Material shown →
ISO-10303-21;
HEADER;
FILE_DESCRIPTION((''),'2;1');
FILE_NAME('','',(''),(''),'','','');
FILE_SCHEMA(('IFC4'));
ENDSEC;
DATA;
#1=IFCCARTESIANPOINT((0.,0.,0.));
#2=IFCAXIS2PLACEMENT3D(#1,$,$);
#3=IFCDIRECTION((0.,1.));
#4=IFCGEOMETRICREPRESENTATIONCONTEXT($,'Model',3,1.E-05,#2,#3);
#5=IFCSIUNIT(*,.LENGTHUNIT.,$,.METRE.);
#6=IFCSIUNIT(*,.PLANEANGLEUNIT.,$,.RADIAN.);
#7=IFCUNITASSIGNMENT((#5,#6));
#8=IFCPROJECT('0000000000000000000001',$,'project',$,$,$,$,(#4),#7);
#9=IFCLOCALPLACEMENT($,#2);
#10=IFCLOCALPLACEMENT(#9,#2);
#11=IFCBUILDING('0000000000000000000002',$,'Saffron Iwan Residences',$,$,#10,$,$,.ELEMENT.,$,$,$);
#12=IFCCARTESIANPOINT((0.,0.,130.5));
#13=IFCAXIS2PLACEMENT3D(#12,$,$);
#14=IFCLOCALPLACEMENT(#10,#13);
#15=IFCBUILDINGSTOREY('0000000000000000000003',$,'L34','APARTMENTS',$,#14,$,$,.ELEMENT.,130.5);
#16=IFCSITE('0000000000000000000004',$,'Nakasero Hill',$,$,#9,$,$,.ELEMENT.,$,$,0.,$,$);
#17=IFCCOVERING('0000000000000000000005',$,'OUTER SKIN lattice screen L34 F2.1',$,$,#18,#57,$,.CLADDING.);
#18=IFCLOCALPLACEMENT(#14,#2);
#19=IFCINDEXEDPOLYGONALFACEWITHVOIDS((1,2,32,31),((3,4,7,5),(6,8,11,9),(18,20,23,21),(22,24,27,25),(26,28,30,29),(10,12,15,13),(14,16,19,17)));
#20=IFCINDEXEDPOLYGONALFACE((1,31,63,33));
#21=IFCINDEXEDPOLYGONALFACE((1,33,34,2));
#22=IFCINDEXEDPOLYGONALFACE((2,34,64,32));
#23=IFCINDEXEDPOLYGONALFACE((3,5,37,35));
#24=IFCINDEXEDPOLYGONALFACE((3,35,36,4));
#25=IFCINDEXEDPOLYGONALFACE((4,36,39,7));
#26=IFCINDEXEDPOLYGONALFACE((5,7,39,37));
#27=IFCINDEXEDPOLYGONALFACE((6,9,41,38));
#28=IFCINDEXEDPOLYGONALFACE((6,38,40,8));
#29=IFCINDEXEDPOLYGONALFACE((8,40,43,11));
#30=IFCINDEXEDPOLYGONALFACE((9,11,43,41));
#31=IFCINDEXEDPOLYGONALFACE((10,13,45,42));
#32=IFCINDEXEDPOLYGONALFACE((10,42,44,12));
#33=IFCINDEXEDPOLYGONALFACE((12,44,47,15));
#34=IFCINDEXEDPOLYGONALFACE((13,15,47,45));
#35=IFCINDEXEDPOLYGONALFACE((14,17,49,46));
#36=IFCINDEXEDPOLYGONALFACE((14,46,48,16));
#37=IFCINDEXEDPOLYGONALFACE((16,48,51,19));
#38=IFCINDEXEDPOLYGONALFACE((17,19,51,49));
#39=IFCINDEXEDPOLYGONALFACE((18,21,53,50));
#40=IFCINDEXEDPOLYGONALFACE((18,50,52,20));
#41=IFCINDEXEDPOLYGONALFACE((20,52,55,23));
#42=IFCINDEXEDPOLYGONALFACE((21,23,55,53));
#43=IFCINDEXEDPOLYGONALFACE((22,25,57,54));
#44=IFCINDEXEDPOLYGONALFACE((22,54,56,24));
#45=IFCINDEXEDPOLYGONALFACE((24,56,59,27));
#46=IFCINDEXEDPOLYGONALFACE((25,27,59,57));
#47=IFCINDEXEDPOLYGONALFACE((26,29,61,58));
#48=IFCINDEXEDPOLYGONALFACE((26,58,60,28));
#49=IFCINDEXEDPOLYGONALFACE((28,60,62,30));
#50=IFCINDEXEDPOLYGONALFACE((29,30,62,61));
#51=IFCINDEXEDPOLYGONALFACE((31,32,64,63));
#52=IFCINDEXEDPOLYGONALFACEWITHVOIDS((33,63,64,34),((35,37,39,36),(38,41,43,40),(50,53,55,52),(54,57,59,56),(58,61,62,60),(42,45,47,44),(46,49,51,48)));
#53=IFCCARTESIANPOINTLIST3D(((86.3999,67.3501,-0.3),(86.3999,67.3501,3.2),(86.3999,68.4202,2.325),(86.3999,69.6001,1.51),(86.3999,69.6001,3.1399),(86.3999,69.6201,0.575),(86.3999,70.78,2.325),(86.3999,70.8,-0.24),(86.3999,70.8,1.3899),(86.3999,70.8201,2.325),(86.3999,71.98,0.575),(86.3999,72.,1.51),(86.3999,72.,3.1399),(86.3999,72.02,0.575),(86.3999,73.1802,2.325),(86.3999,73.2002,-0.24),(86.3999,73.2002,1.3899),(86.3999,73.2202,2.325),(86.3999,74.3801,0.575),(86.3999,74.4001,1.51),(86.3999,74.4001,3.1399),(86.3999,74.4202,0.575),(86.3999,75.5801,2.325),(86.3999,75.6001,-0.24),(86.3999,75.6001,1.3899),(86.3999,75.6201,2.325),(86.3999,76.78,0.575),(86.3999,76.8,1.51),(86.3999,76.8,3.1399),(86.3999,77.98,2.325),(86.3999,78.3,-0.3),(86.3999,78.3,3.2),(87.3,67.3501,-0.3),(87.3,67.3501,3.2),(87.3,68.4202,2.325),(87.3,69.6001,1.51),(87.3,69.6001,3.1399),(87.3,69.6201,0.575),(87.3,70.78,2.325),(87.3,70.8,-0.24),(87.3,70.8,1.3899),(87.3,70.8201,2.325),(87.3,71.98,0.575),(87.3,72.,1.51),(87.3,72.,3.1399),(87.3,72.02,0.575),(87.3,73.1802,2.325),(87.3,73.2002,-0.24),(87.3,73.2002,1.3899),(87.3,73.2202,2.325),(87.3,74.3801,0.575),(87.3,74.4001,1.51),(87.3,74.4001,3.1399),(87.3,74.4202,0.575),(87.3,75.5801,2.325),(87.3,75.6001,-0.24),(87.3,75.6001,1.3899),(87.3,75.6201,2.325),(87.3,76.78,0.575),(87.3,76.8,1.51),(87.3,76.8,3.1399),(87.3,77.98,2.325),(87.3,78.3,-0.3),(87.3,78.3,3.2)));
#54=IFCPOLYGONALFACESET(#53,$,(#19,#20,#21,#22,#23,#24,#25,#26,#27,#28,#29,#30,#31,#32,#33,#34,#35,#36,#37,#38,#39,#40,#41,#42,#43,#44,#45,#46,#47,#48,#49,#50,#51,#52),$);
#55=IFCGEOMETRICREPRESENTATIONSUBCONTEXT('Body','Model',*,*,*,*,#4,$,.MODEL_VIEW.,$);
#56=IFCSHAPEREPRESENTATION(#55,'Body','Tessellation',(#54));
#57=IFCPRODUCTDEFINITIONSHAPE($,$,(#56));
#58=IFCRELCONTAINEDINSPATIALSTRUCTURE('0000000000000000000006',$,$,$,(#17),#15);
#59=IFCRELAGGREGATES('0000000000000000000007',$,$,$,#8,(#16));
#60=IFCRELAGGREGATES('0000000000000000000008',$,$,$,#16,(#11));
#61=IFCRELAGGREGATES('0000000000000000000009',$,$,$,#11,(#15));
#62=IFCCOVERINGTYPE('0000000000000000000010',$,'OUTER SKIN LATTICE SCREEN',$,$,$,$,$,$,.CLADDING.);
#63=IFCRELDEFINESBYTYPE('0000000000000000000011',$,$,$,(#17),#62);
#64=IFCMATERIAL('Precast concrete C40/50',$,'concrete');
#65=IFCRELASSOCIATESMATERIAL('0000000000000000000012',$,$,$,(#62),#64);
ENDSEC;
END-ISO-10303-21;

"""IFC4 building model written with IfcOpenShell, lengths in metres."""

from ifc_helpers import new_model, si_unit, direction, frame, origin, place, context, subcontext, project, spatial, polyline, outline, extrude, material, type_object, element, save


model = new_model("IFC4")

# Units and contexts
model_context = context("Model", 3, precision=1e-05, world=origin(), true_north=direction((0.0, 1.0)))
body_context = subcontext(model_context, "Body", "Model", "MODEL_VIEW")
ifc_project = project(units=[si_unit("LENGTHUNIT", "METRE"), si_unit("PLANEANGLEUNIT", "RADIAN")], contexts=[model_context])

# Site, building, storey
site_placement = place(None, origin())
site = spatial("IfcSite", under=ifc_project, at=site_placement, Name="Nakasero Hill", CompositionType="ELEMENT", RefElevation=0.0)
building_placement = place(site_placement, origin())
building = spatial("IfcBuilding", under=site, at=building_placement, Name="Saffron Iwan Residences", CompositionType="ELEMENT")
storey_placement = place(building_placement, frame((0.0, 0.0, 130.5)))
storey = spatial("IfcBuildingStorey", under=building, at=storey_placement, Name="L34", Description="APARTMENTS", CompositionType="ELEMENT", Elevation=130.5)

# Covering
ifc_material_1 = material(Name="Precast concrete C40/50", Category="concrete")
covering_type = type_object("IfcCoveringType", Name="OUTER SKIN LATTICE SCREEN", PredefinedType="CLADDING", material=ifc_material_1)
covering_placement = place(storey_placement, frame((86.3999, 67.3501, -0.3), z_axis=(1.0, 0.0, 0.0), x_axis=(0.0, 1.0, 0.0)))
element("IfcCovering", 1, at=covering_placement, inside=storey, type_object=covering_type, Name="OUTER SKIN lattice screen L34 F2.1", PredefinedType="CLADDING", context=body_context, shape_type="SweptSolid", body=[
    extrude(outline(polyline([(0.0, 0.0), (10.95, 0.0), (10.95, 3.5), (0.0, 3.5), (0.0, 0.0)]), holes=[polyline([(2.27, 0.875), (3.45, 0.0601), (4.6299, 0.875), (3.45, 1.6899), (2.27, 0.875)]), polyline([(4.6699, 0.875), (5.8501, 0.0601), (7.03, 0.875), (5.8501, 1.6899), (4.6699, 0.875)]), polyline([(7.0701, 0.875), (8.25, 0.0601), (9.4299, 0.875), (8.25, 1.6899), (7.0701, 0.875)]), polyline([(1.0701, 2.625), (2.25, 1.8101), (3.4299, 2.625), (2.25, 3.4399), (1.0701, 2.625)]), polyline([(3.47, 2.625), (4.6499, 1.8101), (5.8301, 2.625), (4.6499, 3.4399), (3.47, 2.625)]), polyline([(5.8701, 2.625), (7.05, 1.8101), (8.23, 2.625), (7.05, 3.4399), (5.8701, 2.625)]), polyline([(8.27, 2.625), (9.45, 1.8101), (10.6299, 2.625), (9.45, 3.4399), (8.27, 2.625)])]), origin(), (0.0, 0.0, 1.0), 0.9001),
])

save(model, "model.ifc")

* * *

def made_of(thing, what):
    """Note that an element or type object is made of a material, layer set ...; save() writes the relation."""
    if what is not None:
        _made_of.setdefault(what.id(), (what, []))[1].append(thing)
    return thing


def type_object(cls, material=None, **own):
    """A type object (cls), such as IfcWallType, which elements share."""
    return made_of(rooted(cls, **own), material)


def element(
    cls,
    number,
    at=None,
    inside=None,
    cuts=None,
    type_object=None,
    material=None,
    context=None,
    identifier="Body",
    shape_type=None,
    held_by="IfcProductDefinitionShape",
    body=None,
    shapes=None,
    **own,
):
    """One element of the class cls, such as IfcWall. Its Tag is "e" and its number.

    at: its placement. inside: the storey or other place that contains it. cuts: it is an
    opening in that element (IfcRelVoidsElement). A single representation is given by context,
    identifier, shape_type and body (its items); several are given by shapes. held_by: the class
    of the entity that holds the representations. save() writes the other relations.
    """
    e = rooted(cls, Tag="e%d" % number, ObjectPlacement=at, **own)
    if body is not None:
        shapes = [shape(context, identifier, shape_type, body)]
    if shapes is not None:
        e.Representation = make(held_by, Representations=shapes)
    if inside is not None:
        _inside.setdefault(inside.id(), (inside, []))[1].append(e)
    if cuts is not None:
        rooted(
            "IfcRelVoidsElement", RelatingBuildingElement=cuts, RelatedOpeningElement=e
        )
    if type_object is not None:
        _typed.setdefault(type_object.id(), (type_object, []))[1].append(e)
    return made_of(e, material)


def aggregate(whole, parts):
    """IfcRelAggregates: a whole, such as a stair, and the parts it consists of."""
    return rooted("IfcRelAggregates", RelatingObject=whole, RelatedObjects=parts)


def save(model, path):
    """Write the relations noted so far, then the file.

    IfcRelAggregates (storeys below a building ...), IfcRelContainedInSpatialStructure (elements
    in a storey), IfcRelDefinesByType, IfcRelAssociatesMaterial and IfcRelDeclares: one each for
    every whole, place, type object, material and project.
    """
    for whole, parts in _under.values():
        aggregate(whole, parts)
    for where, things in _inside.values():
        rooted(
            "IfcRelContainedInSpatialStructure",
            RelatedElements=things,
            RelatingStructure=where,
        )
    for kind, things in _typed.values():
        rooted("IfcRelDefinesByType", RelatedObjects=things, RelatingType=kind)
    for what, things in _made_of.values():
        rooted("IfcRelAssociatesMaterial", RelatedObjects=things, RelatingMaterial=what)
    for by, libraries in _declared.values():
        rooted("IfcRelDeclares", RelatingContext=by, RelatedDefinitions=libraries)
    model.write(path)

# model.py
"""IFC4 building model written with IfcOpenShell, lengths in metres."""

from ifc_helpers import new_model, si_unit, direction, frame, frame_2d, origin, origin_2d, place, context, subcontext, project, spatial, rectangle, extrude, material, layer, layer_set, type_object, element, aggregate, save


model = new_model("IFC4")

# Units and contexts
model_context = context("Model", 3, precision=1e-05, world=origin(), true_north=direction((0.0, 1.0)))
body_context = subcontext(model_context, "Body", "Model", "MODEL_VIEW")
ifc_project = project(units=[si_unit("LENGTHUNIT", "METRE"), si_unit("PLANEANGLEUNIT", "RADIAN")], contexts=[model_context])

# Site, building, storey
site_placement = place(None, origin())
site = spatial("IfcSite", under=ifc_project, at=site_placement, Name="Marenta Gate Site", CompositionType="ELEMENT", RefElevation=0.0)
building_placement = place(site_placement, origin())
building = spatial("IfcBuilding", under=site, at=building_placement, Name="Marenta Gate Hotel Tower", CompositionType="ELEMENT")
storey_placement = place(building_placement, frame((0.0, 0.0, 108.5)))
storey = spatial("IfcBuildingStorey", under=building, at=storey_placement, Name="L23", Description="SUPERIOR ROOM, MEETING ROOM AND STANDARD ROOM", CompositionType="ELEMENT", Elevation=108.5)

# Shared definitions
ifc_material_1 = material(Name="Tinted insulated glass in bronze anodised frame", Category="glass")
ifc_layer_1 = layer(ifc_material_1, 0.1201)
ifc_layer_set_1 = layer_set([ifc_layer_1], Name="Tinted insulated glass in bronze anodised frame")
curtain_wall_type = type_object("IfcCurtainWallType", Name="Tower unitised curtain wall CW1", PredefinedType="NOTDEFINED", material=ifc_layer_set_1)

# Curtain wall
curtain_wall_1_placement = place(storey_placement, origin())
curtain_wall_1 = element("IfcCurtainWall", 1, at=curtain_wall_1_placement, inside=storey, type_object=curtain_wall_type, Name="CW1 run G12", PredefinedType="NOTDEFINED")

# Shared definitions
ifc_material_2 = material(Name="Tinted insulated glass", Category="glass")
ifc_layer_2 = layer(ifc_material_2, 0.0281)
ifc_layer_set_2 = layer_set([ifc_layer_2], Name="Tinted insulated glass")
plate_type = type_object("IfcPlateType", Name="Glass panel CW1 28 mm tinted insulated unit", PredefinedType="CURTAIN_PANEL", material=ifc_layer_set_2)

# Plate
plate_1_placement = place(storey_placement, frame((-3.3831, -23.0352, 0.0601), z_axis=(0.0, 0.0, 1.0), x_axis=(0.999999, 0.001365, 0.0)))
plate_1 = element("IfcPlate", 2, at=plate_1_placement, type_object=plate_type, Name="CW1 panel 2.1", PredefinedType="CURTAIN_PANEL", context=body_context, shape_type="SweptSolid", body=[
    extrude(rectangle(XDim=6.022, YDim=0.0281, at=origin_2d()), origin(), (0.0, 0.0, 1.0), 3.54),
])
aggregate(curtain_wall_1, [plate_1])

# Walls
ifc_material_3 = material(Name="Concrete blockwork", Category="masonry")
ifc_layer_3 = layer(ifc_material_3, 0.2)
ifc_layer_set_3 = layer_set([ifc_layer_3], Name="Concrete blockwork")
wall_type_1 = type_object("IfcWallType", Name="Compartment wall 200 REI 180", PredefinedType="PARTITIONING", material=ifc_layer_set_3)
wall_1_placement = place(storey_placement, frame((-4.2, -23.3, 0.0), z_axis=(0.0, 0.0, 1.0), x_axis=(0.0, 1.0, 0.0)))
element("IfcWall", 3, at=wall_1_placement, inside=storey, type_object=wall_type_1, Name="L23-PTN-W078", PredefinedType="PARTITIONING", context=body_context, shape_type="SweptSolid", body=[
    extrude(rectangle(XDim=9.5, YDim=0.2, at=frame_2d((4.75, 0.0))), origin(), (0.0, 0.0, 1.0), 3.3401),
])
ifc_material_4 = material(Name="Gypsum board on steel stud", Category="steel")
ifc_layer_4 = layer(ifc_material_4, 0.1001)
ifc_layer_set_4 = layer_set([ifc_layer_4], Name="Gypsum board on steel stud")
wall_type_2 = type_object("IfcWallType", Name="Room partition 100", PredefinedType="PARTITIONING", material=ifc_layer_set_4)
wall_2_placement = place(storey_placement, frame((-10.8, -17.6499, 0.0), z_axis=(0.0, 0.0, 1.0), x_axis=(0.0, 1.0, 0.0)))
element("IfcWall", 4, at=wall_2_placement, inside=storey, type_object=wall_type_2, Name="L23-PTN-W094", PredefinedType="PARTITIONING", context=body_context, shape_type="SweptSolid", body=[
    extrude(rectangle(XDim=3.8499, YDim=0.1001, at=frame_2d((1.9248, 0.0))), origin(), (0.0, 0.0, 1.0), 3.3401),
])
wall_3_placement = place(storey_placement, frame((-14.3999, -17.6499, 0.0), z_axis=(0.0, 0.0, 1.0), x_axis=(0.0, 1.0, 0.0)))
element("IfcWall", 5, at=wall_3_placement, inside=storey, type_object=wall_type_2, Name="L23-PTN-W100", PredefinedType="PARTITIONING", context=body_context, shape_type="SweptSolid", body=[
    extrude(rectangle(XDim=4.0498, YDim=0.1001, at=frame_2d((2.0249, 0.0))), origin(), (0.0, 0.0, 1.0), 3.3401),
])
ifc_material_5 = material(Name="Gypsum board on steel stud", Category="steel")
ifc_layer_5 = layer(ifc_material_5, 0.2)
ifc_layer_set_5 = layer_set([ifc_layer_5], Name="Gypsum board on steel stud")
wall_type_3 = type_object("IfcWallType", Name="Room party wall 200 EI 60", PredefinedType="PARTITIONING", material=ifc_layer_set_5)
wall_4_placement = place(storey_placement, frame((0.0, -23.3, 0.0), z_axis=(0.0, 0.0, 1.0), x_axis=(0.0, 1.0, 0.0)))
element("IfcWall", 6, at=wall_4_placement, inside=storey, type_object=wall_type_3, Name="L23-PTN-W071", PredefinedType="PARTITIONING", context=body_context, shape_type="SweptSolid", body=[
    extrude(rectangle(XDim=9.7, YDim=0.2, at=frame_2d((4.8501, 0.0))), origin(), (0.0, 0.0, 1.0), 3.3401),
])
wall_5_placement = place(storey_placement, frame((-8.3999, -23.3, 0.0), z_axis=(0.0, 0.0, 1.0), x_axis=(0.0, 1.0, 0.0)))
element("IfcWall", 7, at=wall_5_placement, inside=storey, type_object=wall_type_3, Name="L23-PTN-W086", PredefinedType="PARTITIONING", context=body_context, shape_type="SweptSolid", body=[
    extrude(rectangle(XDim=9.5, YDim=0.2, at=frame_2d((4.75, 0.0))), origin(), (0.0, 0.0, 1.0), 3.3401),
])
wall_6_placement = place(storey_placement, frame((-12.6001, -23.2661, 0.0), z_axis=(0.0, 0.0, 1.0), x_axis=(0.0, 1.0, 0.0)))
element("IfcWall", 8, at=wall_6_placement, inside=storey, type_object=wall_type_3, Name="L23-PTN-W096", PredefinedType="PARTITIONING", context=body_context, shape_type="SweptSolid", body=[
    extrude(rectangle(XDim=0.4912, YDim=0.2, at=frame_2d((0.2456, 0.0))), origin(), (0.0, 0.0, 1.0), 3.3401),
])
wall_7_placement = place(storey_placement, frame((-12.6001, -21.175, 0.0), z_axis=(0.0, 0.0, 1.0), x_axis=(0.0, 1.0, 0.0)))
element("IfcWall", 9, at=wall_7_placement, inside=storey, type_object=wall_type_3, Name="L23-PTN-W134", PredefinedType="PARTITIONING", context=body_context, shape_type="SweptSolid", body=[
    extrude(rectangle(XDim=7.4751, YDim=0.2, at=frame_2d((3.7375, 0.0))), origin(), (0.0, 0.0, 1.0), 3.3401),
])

What you are asked to do → Count how many lines of the material hold the string "libraries". Give the number and nothing more.

Response to the exercise → 2